Exercise goal: As the answer, set down the lines below from the one containing "#56=IFCLOCALPLACEMENT(#14,#2);" through the one containing "#63=IFCINDEXEDPOLYGONALFACE((5,9,11,7));", exactly and inclusively, and no others.

Dataset records:
○ ○ ○ ○

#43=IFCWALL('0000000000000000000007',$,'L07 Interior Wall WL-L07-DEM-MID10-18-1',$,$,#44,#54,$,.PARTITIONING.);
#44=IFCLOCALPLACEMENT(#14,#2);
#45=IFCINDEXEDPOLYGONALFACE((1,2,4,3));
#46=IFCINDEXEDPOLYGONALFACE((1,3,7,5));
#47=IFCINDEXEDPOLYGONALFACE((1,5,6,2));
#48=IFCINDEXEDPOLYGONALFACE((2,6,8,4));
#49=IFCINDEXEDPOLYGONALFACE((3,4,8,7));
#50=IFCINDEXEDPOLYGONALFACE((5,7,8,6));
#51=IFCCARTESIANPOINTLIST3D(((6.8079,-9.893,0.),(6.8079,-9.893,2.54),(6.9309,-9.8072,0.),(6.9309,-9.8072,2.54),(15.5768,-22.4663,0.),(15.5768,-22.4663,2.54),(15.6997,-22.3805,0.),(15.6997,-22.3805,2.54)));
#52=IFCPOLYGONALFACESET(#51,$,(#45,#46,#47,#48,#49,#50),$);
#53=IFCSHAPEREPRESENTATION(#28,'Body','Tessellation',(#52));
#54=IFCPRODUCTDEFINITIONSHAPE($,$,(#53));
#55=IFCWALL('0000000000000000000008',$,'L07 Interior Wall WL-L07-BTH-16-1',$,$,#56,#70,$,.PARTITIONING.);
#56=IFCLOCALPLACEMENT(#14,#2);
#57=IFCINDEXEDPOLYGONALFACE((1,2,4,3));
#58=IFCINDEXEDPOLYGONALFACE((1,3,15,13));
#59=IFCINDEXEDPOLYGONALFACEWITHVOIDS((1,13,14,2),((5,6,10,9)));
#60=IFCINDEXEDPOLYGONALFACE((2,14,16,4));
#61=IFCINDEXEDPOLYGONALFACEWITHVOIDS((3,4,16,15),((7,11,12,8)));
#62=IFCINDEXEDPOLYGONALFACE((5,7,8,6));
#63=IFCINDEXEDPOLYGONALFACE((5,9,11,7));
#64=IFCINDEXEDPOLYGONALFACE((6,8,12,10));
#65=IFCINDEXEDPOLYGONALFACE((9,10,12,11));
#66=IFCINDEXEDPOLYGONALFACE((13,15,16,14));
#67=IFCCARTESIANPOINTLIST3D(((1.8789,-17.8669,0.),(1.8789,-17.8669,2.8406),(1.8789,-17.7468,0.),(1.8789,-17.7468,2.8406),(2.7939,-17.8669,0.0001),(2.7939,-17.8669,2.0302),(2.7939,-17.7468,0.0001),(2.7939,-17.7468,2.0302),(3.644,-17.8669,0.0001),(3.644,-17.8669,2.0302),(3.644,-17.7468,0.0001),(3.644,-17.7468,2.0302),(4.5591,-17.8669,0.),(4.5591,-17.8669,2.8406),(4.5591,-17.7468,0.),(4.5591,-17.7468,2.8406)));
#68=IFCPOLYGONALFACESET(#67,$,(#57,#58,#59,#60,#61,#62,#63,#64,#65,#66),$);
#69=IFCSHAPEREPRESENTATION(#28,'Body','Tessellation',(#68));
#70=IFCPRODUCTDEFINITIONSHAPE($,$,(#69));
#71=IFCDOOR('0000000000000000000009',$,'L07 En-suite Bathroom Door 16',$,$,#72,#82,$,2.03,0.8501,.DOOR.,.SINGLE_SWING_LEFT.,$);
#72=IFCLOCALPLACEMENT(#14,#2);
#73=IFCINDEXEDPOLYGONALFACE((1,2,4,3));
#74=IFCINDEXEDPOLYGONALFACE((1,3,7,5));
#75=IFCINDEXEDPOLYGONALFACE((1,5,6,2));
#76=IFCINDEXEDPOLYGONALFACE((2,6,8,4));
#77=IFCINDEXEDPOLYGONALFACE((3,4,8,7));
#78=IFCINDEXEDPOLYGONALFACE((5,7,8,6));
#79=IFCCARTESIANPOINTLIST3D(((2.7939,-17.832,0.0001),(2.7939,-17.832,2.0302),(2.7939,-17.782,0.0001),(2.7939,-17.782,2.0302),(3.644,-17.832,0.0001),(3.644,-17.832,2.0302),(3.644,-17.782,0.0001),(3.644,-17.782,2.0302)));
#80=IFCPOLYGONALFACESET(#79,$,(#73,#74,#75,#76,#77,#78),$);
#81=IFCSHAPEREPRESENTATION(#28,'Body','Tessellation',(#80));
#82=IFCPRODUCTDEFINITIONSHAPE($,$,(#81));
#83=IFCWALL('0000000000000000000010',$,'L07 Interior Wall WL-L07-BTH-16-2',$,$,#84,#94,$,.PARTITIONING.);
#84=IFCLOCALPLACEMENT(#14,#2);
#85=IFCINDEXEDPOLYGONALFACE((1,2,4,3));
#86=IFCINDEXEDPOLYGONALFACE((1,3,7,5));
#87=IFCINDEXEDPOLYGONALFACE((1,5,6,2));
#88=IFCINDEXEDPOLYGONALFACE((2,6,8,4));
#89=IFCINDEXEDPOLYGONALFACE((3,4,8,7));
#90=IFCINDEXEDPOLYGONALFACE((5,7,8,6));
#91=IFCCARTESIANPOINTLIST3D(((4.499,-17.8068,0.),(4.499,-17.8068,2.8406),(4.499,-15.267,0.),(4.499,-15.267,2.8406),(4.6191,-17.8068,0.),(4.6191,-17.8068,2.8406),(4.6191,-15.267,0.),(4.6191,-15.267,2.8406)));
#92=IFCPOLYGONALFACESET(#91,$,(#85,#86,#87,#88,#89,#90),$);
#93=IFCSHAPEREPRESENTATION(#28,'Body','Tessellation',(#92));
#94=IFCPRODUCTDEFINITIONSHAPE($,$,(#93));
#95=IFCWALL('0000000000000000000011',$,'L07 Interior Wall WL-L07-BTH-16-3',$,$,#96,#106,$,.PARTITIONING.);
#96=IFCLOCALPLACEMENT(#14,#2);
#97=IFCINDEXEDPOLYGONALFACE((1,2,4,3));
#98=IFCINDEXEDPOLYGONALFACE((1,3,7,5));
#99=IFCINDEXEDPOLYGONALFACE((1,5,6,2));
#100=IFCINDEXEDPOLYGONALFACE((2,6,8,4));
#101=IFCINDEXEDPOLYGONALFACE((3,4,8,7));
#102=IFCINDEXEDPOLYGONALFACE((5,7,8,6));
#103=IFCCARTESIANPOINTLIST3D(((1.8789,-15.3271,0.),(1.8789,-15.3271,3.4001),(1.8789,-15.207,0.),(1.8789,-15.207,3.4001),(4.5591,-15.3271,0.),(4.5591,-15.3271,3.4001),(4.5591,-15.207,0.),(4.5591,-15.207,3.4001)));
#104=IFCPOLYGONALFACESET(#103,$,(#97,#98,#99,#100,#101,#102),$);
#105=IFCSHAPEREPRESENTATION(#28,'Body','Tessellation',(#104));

○ ○ ○ ○

Your response:
#56=IFCLOCALPLACEMENT(#14,#2);
#57=IFCINDEXEDPOLYGONALFACE((1,2,4,3));
#58=IFCINDEXEDPOLYGONALFACE((1,3,15,13));
#59=IFCINDEXEDPOLYGONALFACEWITHVOIDS((1,13,14,2),((5,6,10,9)));
#60=IFCINDEXEDPOLYGONALFACE((2,14,16,4));
#61=IFCINDEXEDPOLYGONALFACEWITHVOIDS((3,4,16,15),((7,11,12,8)));
#62=IFCINDEXEDPOLYGONALFACE((5,7,8,6));
#63=IFCINDEXEDPOLYGONALFACE((5,9,11,7));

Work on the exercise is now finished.